Start of Given records

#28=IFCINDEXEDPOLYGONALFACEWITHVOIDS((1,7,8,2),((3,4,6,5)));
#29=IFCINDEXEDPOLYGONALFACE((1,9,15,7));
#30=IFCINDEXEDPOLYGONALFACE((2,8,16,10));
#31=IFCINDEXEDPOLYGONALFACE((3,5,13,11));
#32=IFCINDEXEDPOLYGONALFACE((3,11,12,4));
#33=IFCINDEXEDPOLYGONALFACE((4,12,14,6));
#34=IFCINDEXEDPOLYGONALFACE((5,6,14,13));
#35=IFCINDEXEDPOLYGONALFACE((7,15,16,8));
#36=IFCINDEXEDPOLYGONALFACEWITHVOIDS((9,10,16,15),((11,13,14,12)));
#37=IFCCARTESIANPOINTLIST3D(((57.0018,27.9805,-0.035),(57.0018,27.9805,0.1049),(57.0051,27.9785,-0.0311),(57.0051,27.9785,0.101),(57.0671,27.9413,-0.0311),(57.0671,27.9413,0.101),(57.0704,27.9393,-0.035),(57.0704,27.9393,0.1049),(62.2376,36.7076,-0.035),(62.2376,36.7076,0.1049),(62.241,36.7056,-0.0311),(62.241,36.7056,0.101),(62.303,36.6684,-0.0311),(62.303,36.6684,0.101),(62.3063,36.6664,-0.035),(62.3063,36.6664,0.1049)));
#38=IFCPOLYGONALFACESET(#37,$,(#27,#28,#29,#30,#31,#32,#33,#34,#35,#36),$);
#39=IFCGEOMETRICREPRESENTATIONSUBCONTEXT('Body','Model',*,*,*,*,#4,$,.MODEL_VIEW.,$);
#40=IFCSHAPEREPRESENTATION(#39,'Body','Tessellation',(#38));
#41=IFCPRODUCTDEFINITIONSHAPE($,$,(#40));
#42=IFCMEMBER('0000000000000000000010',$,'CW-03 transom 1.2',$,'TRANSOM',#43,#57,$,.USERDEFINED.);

End of Given records

**Task requirements**
Wherever a line in the entries holds "IFCINDEXEDPOLYGONALFACEWITHVOIDS", copy that line.

**Expected answer**
#28=IFCINDEXEDPOLYGONALFACEWITHVOIDS((1,7,8,2),((3,4,6,5)));
#36=IFCINDEXEDPOLYGONALFACEWITHVOIDS((9,10,16,15),((11,13,14,12)));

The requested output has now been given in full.